Exercise input:
# # # #

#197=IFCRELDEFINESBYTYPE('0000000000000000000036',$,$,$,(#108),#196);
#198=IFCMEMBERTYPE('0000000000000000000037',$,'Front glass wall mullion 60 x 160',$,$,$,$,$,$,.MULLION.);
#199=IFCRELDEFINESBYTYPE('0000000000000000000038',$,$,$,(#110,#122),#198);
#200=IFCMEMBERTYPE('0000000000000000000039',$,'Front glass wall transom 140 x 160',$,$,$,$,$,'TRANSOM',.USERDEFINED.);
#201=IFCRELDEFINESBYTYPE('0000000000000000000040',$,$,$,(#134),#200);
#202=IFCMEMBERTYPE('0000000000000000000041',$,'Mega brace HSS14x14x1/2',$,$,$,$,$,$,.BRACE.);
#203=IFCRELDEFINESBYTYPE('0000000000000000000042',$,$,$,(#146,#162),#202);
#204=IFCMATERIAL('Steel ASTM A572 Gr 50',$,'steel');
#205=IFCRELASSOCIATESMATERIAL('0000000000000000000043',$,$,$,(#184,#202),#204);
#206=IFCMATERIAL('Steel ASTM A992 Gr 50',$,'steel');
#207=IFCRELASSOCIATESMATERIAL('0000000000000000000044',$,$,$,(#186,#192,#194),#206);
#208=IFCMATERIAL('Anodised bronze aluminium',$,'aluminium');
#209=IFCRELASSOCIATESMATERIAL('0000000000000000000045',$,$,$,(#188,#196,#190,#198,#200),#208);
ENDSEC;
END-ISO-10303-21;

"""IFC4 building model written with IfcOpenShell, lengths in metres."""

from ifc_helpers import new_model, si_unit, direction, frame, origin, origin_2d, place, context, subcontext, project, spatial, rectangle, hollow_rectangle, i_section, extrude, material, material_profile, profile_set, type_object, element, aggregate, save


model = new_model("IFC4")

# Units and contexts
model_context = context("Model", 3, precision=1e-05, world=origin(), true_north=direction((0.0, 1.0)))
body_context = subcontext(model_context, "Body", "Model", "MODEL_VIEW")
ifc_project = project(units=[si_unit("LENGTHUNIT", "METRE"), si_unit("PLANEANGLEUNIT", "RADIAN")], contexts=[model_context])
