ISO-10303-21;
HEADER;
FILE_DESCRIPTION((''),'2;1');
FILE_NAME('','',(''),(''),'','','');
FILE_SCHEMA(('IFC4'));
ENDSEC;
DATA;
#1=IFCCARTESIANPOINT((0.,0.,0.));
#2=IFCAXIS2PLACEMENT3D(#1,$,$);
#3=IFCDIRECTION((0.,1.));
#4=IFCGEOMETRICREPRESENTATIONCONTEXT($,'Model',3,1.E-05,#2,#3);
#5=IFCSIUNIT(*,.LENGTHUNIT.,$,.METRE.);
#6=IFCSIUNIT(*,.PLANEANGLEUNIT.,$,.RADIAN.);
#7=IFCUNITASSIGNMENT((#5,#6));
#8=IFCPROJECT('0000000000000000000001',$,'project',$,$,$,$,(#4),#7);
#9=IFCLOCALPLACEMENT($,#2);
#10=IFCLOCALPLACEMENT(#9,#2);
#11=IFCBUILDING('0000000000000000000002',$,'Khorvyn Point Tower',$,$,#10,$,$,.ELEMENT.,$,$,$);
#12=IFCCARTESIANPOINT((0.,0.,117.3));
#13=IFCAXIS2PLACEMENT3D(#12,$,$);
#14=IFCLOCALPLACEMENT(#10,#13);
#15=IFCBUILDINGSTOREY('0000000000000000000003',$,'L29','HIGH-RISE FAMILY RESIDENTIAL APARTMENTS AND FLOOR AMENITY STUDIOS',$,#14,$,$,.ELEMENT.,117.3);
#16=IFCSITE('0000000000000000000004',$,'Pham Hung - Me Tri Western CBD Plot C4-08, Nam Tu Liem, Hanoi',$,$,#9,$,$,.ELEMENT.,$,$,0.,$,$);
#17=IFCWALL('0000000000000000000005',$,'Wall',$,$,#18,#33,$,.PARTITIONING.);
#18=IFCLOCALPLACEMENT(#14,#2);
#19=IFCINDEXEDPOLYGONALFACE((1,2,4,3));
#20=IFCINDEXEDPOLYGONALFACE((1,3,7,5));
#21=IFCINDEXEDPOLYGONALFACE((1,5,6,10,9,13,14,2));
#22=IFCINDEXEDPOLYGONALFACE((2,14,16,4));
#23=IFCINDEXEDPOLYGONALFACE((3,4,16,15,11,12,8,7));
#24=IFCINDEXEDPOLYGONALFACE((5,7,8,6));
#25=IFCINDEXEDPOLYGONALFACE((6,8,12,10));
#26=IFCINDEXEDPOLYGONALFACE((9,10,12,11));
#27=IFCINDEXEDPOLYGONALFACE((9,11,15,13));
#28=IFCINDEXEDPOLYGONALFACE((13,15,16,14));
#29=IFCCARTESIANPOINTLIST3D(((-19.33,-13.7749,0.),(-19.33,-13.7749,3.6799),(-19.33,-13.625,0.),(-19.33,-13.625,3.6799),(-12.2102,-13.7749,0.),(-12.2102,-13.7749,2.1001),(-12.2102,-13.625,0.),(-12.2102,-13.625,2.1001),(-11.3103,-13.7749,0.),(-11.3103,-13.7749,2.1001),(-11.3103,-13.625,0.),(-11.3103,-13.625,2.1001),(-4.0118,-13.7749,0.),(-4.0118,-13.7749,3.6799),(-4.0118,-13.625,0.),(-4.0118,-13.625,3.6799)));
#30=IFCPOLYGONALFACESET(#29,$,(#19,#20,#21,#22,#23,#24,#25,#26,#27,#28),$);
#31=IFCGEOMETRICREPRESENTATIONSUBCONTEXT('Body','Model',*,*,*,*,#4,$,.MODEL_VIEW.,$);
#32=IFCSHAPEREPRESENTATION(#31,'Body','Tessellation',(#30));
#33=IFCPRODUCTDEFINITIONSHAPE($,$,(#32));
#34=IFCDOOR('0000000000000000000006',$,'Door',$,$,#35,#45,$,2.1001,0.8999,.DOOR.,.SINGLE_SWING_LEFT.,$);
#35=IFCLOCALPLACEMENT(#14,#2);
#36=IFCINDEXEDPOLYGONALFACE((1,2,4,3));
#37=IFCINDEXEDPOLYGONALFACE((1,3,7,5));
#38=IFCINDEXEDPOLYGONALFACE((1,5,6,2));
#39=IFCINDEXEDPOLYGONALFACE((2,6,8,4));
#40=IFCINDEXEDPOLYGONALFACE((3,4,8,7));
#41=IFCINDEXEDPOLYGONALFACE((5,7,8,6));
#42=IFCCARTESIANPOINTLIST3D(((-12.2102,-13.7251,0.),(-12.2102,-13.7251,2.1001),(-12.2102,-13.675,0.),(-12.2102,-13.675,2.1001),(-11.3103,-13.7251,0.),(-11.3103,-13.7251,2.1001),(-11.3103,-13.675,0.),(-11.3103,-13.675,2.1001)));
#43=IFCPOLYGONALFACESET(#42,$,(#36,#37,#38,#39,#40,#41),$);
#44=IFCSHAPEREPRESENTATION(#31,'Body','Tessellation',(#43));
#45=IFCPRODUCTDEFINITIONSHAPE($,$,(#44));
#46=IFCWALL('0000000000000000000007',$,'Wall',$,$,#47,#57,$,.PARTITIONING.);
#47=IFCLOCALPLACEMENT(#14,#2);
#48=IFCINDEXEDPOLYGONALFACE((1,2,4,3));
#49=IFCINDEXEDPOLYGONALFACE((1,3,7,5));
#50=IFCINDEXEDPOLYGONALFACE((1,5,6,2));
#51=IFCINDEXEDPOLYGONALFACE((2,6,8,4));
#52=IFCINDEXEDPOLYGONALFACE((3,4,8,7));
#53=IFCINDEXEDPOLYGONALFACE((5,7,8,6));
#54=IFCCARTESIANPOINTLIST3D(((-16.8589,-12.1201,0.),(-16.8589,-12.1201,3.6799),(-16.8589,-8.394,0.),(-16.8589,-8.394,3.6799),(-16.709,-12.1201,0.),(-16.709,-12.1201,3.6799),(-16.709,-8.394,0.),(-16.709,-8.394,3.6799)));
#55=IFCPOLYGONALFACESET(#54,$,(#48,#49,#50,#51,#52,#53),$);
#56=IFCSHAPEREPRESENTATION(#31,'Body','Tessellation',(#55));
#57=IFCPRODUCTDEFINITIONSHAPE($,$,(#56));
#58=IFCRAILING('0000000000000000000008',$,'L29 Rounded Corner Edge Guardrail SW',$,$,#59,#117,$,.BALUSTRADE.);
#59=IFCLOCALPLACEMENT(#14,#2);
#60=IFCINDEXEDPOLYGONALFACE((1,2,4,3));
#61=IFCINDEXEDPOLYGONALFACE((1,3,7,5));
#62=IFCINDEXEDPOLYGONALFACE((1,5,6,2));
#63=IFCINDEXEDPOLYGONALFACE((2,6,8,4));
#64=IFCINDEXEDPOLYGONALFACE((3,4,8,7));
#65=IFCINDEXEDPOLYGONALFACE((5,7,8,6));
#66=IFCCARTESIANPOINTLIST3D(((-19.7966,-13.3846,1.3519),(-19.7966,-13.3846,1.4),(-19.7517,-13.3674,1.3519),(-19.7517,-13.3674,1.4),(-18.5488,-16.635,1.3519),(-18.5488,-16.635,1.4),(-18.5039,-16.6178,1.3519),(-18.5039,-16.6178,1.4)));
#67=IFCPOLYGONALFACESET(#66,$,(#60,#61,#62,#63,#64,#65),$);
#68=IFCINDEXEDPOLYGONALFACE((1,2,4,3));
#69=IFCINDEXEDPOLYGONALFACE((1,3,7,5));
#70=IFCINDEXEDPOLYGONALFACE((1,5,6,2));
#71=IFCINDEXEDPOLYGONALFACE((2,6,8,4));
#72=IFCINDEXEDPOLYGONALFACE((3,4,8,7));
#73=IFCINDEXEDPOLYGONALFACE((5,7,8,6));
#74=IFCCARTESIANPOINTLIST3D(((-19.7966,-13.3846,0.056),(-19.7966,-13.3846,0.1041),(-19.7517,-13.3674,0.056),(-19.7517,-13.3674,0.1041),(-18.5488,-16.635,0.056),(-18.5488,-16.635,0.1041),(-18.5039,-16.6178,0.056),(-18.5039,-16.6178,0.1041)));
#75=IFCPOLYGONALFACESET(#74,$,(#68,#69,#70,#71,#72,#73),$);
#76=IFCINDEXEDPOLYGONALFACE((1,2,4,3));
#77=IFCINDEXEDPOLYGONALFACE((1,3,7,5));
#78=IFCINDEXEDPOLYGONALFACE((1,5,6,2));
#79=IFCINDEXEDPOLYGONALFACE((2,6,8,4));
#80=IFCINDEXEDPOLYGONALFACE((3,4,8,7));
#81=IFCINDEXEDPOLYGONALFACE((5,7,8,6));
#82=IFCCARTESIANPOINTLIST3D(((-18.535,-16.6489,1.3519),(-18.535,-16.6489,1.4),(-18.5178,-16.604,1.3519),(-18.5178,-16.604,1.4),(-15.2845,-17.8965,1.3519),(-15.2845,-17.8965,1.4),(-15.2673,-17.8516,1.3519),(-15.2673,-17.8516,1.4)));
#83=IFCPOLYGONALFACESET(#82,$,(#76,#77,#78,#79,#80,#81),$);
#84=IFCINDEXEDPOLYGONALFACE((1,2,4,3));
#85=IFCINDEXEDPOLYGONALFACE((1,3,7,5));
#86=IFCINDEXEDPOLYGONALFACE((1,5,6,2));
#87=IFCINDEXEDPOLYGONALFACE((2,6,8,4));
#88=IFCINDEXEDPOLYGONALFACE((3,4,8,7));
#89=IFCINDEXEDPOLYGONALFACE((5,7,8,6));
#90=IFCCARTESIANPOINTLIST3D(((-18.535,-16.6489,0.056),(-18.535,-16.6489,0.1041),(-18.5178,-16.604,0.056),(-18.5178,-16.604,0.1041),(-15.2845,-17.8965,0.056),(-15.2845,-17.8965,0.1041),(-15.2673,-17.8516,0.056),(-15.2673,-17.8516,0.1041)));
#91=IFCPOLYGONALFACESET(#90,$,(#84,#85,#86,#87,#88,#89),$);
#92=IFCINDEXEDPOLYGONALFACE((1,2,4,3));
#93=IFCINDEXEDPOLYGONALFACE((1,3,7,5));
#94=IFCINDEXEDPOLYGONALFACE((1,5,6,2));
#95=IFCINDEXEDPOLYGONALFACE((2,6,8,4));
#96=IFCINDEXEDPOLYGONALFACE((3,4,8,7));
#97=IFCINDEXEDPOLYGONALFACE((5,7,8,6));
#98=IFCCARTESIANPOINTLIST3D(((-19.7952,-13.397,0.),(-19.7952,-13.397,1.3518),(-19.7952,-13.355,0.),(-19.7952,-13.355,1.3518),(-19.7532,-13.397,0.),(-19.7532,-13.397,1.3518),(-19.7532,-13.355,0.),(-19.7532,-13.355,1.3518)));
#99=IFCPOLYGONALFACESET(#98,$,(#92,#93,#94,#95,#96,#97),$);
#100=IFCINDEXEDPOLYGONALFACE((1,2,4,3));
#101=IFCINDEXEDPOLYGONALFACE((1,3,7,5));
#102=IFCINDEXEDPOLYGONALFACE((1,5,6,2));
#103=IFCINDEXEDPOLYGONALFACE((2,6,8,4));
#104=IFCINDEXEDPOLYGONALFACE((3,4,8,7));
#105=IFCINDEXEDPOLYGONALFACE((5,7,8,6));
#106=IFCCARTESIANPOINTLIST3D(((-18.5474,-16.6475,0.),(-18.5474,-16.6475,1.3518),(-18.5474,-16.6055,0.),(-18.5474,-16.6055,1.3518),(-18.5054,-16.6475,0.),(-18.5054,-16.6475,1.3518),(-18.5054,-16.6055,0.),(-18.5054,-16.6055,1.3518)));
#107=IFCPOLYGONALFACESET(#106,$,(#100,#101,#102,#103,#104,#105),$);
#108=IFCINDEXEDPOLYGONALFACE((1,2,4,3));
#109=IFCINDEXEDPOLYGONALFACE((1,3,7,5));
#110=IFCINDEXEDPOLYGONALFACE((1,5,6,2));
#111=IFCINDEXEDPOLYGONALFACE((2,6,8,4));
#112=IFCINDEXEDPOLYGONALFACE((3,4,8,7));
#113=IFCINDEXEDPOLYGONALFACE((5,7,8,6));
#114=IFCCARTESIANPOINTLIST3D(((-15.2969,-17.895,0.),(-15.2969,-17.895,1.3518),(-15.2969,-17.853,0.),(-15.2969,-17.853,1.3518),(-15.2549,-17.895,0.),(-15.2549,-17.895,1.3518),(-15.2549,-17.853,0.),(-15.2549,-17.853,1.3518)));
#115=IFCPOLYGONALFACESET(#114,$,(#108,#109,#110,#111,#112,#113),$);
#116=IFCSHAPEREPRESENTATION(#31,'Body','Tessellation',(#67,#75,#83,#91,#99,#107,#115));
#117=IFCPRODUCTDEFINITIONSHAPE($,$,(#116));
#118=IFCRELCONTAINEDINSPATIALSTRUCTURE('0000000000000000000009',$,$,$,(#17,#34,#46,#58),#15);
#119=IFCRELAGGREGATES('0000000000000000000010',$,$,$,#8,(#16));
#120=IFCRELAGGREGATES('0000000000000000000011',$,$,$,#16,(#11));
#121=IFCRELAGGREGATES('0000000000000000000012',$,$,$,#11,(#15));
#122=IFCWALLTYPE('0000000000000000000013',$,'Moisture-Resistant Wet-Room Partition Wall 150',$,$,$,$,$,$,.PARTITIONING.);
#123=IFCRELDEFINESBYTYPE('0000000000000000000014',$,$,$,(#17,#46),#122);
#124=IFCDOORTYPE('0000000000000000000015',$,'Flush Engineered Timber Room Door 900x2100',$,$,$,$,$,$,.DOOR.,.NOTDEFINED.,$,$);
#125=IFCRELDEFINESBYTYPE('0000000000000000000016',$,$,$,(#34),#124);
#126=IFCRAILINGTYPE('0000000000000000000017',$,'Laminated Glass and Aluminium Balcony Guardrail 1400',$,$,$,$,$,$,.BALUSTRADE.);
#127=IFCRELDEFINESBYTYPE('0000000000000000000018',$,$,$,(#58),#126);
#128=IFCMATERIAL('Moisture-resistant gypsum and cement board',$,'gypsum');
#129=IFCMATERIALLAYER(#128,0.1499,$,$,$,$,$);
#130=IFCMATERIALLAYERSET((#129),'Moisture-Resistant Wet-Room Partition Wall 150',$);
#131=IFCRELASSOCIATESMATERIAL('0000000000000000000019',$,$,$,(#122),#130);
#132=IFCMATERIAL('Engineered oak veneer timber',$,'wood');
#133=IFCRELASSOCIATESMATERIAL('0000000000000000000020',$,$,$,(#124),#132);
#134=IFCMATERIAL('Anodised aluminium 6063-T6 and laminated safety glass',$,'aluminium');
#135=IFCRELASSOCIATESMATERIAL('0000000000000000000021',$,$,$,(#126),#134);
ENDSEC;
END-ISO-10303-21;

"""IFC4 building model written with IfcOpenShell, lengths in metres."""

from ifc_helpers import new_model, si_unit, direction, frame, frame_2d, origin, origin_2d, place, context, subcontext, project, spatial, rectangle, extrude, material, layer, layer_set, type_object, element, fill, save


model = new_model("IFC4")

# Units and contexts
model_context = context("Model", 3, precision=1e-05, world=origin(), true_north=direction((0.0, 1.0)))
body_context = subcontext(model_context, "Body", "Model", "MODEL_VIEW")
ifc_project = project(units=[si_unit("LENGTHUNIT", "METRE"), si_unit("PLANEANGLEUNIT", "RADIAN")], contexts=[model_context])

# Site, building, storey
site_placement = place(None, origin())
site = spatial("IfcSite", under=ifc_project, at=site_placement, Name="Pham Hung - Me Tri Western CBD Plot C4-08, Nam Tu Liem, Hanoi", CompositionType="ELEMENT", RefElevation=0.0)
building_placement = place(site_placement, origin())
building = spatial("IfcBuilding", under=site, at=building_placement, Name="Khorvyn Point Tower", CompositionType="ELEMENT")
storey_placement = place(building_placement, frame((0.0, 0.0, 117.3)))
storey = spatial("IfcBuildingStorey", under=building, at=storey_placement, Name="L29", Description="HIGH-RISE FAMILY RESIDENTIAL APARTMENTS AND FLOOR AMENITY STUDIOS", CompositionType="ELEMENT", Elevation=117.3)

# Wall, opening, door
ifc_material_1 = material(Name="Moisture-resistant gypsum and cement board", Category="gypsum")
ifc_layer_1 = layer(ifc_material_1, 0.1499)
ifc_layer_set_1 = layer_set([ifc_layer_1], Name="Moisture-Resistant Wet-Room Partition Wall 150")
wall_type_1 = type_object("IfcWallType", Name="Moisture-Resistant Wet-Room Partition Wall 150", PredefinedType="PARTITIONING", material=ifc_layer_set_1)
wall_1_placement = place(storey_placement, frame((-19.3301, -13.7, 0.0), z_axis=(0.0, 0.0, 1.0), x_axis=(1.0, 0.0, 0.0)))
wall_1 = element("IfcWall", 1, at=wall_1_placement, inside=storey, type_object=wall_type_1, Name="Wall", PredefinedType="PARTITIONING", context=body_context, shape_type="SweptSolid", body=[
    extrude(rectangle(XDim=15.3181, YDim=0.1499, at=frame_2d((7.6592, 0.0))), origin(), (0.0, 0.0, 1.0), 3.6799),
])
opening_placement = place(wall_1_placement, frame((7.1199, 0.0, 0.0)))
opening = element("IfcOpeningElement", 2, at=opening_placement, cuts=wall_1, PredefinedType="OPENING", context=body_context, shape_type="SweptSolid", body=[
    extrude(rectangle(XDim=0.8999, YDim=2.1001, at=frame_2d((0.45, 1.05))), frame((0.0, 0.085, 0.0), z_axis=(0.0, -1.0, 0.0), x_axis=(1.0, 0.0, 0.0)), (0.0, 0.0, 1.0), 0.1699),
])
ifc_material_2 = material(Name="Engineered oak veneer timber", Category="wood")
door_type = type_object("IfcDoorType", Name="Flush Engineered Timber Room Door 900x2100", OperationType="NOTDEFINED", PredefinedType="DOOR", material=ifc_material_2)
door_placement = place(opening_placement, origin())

# # # #

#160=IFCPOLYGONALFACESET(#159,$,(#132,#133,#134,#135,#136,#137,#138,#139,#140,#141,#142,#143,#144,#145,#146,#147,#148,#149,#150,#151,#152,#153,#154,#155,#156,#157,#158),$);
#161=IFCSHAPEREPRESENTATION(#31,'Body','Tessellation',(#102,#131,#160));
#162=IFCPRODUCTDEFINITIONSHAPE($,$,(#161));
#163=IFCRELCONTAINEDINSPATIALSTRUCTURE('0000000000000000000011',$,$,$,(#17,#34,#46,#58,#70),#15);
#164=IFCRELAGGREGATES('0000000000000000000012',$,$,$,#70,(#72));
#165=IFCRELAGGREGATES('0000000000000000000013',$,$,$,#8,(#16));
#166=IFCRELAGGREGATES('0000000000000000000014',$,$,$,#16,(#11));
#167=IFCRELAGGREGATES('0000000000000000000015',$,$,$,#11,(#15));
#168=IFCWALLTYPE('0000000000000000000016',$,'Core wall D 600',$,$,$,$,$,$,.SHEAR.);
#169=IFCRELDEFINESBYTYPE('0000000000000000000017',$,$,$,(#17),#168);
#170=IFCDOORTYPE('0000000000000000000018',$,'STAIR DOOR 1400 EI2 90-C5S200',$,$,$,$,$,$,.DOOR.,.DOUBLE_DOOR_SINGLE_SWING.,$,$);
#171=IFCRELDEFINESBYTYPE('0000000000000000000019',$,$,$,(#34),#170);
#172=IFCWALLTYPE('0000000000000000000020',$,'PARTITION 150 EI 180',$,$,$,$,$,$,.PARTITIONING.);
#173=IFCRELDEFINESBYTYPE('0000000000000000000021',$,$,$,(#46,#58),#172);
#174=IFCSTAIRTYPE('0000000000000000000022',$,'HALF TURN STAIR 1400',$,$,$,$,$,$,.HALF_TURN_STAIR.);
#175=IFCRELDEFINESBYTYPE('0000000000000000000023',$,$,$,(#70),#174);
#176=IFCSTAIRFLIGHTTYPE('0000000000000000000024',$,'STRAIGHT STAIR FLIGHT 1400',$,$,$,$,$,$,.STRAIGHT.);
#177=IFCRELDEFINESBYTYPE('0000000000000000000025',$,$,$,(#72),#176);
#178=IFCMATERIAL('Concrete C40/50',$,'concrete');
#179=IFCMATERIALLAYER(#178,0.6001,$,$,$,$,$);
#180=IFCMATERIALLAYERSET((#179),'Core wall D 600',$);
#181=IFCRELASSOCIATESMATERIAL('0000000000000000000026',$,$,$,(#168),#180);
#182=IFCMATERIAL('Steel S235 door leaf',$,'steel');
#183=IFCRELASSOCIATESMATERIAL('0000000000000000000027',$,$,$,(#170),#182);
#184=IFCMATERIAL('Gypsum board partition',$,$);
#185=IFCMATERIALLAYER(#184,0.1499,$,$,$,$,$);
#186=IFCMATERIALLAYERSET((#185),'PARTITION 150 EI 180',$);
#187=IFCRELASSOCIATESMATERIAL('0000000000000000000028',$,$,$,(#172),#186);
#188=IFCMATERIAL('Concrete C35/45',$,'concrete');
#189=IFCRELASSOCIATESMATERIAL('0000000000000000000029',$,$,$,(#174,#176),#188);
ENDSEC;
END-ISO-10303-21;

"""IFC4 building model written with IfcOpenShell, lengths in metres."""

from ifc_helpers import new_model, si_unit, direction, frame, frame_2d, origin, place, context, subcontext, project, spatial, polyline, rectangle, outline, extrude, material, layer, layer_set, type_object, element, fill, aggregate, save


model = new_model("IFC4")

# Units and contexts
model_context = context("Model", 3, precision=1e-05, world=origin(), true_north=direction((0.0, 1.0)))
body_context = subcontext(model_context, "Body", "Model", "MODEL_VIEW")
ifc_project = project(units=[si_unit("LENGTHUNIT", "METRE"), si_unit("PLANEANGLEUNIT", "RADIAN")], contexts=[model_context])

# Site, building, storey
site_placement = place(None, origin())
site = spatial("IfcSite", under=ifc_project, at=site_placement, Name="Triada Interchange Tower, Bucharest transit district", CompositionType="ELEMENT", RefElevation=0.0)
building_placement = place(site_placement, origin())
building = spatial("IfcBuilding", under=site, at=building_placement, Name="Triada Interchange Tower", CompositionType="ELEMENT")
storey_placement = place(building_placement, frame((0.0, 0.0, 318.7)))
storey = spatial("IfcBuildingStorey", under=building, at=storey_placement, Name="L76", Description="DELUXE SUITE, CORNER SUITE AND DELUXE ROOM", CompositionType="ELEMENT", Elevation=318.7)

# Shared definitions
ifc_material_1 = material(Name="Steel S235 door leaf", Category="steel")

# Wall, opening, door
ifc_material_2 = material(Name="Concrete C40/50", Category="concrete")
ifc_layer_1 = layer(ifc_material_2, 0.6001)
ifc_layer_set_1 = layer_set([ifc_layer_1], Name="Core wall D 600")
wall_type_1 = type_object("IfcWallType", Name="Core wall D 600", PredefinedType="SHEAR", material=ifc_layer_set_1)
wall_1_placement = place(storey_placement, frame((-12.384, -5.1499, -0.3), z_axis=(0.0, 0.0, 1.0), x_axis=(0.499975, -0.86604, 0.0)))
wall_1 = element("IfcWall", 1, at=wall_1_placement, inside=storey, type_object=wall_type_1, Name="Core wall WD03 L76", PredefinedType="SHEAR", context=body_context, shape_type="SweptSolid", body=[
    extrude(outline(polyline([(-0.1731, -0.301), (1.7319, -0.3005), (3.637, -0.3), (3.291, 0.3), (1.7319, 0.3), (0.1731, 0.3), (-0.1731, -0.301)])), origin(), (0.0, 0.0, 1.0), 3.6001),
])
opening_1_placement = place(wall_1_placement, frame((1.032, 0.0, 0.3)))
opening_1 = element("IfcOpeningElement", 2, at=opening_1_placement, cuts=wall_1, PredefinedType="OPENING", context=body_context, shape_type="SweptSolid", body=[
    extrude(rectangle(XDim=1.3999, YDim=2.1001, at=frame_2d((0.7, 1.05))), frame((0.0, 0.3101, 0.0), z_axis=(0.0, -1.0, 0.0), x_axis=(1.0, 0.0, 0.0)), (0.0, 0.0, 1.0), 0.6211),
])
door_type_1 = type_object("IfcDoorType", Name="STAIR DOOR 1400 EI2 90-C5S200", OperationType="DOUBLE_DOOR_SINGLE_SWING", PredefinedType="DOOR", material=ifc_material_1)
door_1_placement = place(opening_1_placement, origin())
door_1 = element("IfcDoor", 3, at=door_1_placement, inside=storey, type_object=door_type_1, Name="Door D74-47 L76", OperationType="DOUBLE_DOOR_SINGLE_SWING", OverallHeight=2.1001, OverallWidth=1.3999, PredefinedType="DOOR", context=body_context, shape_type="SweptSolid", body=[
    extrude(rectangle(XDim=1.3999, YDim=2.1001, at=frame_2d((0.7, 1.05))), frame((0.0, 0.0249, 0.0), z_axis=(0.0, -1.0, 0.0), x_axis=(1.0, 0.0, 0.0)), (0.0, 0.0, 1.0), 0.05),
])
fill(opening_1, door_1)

# # # #

About this exercise: Of the entries above, transcribe exactly those lines that fall between the line containing "#9=IFCLOCALPLACEMENT($,#2);" and the line containing "#14=IFCLOCALPLACEMENT(#10,#13);", together with those two lines.

Output:
#9=IFCLOCALPLACEMENT($,#2);
#10=IFCLOCALPLACEMENT(#9,#2);
#11=IFCBUILDING('0000000000000000000002',$,'Khorvyn Point Tower',$,$,#10,$,$,.ELEMENT.,$,$,$);
#12=IFCCARTESIANPOINT((0.,0.,117.3));
#13=IFCAXIS2PLACEMENT3D(#12,$,$);
#14=IFCLOCALPLACEMENT(#10,#13);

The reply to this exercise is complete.